-- Opening Marker --

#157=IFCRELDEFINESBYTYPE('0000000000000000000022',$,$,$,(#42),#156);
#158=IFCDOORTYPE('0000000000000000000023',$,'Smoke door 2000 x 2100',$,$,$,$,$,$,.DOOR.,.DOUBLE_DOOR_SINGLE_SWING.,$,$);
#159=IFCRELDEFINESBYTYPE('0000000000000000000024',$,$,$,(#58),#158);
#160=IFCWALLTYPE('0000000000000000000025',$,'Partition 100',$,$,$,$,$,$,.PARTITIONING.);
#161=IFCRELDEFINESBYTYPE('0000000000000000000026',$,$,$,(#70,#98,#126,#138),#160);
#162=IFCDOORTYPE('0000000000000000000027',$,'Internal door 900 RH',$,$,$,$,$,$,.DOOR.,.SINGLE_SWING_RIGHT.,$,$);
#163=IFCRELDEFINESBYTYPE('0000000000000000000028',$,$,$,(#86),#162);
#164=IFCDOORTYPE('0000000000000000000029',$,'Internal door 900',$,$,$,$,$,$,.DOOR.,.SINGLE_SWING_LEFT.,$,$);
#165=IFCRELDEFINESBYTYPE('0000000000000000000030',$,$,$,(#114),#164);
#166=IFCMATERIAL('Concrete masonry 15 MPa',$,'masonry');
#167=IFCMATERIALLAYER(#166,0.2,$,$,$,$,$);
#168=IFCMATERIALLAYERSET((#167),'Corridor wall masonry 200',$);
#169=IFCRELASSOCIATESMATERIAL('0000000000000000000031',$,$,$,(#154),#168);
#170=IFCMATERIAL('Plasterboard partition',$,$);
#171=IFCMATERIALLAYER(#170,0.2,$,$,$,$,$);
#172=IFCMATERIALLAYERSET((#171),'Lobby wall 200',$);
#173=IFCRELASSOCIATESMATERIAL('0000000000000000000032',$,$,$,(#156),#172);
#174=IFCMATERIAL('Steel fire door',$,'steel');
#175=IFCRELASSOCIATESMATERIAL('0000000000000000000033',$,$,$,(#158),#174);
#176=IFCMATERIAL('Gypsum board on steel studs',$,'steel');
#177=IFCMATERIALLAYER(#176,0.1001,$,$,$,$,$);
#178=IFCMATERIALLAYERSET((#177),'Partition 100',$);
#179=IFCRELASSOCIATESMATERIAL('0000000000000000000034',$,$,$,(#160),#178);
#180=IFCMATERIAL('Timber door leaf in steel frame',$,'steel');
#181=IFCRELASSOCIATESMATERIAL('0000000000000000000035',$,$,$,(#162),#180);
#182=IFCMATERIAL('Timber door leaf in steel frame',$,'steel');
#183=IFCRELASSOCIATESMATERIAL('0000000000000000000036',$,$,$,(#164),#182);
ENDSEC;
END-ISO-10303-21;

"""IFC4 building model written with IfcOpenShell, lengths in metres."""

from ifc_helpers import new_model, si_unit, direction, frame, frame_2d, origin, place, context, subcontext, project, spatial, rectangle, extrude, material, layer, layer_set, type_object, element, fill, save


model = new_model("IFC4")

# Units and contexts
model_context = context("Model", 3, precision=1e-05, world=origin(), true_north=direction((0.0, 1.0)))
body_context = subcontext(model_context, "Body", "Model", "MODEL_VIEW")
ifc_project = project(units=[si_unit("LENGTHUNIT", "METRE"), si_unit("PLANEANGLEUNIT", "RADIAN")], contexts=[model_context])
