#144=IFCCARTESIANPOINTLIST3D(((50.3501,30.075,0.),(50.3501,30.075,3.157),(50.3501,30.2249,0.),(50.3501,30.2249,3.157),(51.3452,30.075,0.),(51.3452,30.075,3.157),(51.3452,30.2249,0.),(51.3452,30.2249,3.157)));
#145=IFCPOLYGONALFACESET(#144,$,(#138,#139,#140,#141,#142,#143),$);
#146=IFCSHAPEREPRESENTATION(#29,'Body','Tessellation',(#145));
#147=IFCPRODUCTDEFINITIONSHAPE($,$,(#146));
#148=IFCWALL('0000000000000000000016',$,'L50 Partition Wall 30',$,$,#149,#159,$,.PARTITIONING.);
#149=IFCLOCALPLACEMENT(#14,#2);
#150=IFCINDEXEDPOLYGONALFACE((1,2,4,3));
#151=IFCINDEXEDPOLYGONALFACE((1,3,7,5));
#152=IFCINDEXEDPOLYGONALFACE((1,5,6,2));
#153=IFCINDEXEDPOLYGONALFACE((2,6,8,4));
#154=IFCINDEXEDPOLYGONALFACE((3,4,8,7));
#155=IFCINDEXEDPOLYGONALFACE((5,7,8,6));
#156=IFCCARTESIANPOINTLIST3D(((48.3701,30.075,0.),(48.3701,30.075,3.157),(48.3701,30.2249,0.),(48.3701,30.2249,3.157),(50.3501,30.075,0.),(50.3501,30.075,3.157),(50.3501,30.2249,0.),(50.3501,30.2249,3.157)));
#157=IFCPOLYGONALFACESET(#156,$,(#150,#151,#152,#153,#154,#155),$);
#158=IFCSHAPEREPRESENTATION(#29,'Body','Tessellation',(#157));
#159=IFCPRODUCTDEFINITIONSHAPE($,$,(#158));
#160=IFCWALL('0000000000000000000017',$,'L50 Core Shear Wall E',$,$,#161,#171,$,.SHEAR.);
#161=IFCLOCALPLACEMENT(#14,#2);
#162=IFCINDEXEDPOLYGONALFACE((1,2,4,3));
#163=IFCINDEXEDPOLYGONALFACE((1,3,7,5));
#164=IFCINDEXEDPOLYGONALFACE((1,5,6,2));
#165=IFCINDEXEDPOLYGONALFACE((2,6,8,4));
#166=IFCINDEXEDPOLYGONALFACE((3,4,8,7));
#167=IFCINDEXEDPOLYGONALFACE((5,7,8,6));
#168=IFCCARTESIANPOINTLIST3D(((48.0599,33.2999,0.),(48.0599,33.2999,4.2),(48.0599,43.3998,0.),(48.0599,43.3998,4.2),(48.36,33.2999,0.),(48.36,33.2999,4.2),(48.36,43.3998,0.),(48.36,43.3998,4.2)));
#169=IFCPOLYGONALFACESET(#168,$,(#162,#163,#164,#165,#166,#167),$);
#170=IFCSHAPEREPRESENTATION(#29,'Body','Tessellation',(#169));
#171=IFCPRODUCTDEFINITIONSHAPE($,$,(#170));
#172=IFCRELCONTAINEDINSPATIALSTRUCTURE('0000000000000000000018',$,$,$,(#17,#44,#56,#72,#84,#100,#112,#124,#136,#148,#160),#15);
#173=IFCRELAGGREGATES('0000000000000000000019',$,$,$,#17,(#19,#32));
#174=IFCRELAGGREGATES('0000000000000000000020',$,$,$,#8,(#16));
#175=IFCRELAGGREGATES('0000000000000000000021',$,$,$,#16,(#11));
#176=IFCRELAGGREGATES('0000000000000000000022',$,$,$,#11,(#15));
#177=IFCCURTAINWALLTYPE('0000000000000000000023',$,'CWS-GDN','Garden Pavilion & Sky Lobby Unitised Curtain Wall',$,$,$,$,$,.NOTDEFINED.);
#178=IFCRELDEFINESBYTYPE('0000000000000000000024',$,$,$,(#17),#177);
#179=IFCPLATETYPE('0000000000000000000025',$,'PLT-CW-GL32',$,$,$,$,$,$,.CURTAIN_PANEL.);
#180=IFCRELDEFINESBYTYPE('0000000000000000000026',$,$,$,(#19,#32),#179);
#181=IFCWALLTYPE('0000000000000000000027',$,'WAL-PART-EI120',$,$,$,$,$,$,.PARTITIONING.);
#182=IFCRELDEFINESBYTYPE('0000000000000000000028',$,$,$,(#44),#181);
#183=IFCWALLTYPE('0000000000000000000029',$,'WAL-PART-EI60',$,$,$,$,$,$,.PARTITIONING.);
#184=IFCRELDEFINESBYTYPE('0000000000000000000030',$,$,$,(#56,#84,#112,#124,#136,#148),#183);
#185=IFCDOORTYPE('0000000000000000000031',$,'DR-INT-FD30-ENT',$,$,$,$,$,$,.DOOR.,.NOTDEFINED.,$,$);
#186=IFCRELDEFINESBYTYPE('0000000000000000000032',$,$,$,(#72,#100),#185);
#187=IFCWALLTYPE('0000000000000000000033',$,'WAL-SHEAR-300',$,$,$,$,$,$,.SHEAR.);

-- Closing Marker --

§ WHAT TO DO
Where the string "masonry" appears in a line of the entries, that line counts; state the total number of such lines and nothing else.

§ WRITTEN SOLUTION
2